▶ **TASK DESCRIPTION**:
When a line in the data below includes "Radius", count it; then give only the total.

(SOURCE MATERIAL Opens)

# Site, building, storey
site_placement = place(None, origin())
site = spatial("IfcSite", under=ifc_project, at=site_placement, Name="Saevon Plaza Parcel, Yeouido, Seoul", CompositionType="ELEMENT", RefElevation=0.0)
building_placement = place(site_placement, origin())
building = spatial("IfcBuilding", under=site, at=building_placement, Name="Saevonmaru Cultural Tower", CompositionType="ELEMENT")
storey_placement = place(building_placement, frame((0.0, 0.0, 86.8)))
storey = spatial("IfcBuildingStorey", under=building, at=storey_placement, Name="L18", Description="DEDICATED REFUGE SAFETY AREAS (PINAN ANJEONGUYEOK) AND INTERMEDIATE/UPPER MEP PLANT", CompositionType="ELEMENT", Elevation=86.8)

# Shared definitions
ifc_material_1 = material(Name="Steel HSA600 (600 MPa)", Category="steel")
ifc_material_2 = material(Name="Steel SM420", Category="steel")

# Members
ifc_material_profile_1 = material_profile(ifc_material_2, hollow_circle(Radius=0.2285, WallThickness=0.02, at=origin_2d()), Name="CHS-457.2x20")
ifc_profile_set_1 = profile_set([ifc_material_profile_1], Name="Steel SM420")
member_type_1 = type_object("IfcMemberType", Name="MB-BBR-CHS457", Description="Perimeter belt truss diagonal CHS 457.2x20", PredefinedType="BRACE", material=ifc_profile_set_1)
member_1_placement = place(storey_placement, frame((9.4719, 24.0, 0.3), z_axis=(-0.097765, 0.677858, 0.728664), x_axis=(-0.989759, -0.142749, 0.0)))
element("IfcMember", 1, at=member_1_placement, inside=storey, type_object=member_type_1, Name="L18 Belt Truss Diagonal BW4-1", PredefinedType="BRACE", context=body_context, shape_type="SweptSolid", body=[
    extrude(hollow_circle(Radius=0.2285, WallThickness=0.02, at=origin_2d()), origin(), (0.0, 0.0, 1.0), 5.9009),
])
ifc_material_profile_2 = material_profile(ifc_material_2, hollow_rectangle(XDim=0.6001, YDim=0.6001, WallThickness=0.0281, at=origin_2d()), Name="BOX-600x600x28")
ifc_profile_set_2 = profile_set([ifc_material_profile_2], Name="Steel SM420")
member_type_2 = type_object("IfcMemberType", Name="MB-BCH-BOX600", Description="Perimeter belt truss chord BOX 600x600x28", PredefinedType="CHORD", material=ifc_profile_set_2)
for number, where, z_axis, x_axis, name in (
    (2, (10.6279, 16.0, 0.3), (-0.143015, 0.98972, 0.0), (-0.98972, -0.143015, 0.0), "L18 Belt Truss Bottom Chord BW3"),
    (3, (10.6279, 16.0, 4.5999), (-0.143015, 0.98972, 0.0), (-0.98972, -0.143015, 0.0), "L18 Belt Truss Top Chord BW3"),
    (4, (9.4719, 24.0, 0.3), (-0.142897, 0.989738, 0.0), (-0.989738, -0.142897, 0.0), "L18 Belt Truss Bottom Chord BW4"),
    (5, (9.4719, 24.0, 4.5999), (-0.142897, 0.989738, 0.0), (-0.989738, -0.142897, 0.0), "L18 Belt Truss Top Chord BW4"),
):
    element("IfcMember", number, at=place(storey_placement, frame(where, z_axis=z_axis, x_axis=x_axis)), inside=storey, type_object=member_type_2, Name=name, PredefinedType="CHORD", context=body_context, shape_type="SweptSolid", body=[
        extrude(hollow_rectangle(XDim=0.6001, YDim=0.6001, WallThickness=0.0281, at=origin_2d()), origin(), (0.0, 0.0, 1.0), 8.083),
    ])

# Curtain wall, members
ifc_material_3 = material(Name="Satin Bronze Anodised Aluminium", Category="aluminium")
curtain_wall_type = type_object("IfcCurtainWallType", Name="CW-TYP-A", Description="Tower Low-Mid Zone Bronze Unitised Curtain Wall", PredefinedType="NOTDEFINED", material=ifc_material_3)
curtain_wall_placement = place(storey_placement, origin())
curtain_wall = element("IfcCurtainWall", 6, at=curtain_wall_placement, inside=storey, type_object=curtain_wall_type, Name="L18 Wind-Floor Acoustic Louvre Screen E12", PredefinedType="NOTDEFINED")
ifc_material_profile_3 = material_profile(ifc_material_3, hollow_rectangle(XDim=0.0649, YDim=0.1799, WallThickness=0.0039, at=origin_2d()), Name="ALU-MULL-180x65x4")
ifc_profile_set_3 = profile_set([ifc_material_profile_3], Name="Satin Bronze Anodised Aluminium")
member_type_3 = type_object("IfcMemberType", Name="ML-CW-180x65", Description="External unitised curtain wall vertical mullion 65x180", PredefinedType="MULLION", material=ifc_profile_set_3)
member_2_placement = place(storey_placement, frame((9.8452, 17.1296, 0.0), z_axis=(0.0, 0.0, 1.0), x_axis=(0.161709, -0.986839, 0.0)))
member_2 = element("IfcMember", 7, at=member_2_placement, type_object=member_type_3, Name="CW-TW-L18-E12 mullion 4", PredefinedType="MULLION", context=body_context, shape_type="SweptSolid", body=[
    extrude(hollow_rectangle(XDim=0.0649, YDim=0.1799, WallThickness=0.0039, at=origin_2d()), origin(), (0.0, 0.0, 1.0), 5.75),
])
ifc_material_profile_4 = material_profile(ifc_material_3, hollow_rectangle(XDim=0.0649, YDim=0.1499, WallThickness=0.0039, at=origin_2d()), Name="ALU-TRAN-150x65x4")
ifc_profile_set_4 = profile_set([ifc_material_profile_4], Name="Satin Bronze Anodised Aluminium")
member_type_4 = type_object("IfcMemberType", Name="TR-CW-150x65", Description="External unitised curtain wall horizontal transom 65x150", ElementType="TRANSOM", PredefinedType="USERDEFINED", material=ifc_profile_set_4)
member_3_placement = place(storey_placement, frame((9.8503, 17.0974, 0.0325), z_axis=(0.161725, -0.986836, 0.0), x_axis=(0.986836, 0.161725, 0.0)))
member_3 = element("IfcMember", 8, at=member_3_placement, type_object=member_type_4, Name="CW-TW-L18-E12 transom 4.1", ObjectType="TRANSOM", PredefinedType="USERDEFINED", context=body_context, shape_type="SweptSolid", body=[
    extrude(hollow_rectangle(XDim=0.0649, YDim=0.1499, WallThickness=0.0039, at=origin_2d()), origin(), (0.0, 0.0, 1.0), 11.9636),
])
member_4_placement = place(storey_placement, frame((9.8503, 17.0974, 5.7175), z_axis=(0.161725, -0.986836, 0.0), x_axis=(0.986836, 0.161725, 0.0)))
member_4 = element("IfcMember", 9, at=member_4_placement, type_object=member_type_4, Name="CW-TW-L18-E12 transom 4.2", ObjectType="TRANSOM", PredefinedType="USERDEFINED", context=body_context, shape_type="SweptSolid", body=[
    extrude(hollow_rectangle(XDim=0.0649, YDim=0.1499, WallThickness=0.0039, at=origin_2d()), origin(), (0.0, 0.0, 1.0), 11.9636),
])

(SOURCE MATERIAL Closes)

▶ **ANSWER FOR THE TASK**:
2